== Work task ==
Reply with one number, the count of lines below that contain the string "subcontext".

== Data supplied ==
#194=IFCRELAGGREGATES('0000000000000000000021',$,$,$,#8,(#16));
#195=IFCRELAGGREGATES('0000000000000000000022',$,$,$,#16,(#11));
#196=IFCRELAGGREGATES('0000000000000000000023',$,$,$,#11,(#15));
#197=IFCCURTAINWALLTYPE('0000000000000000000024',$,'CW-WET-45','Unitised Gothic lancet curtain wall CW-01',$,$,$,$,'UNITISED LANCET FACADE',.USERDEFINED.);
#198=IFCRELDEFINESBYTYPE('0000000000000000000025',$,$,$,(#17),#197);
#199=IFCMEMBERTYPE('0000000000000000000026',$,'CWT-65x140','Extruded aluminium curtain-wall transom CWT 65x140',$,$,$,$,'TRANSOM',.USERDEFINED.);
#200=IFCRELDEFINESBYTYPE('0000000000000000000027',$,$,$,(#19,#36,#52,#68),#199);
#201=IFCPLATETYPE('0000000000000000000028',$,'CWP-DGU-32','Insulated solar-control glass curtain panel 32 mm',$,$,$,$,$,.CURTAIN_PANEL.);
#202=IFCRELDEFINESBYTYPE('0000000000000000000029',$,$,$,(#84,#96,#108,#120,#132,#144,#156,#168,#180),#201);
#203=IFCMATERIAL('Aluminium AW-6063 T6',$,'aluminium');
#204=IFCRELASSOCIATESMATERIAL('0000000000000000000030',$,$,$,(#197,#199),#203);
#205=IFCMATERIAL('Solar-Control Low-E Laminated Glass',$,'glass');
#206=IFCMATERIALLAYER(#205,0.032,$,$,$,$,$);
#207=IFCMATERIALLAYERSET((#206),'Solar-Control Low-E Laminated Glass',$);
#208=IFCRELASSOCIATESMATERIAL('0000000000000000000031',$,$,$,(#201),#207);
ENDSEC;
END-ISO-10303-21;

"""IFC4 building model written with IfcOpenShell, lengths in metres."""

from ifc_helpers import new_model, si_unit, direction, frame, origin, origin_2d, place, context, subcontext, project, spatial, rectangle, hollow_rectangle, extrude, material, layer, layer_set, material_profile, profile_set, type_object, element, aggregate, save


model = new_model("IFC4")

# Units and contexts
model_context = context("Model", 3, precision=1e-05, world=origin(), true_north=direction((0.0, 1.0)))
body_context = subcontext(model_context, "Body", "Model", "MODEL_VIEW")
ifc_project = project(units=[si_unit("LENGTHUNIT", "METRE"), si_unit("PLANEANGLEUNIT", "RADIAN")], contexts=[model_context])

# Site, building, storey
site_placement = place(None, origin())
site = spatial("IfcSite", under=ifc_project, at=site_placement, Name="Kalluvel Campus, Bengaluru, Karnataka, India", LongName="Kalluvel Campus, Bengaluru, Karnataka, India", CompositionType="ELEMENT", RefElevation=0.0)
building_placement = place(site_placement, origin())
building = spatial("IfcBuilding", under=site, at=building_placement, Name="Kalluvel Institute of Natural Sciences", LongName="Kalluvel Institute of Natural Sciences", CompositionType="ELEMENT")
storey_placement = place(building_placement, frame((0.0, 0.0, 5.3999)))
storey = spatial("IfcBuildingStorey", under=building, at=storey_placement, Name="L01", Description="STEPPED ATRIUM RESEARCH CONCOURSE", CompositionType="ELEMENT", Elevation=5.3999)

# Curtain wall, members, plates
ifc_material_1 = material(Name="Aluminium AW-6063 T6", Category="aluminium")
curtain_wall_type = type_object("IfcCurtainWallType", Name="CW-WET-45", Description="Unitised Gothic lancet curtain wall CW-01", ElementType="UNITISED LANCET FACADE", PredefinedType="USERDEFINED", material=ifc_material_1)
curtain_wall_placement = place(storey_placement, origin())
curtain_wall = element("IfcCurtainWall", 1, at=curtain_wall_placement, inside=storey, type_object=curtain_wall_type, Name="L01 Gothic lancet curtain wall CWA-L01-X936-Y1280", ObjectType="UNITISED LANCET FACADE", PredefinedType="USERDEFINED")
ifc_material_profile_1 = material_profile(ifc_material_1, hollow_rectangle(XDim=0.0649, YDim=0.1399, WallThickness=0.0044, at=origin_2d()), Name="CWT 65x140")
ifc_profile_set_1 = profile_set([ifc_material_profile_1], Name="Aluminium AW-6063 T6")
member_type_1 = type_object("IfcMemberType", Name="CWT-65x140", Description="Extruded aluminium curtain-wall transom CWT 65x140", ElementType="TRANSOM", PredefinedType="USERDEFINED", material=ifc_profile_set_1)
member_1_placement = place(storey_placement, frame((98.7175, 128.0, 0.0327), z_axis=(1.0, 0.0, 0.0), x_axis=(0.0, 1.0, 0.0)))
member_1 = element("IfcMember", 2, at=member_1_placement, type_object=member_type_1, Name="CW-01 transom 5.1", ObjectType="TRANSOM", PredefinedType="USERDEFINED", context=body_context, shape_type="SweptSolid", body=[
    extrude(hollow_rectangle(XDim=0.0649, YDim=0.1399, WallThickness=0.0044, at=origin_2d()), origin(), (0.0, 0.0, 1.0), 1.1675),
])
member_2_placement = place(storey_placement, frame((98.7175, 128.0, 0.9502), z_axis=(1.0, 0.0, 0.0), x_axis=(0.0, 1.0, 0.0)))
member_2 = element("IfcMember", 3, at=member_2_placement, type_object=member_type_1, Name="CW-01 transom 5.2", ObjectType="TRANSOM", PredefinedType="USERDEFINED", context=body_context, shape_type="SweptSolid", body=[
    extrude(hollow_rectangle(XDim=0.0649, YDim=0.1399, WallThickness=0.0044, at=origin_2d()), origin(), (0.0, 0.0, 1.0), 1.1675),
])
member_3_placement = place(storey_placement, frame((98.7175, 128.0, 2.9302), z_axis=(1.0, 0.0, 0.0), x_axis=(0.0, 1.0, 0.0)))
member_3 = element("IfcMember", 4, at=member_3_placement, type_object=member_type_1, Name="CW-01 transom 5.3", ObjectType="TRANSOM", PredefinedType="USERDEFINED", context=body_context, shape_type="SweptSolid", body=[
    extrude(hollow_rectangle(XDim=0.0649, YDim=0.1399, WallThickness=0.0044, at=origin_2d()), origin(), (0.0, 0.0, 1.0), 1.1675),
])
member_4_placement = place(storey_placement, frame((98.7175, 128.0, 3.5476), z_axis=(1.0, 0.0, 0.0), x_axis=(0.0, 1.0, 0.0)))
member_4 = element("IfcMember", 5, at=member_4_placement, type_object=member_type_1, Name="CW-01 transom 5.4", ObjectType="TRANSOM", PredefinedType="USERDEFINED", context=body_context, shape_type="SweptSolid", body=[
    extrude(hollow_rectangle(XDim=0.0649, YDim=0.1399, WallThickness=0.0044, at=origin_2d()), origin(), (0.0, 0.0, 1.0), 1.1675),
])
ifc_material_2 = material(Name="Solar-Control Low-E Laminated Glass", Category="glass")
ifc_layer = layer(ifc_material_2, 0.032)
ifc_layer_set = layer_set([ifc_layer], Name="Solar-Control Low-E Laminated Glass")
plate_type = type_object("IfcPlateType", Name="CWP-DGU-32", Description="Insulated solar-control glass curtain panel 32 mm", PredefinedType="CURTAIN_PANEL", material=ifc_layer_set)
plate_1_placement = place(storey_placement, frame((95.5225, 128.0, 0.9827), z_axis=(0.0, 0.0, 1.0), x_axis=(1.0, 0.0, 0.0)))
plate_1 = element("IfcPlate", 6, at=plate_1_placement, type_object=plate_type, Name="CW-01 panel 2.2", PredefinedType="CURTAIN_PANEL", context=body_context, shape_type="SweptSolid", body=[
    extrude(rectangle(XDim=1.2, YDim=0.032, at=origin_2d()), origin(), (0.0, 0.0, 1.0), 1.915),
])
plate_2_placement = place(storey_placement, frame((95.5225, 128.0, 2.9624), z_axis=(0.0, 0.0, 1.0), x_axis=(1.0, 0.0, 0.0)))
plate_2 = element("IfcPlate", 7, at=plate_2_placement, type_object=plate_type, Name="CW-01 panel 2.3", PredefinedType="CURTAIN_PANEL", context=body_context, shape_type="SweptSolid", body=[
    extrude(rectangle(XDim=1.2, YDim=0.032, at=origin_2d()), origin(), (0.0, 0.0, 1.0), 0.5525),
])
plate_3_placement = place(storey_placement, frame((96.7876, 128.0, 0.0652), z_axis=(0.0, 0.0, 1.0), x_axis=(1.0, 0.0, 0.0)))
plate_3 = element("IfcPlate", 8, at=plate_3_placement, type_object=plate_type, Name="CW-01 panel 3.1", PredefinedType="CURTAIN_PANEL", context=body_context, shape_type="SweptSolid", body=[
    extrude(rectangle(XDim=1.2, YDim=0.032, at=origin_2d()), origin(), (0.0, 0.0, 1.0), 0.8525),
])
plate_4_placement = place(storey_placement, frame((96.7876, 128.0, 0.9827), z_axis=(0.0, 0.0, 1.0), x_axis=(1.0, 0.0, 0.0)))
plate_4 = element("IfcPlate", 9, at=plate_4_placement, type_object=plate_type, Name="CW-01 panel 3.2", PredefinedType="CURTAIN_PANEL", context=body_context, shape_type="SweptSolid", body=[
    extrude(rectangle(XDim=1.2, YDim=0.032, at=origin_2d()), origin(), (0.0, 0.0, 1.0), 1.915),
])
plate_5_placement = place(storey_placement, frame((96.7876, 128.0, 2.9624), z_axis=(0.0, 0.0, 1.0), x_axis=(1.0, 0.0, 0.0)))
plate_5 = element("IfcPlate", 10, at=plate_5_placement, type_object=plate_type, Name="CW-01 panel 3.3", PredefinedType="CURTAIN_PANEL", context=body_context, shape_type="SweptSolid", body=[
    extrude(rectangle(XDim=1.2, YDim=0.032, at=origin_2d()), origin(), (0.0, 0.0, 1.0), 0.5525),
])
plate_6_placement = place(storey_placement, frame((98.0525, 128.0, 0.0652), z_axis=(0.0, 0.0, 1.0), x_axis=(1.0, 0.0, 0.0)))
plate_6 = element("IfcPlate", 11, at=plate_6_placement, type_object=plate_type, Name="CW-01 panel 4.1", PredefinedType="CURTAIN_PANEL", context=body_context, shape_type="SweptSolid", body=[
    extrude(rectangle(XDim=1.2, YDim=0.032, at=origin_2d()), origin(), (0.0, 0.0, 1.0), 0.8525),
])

== Reply to the exercise ==
2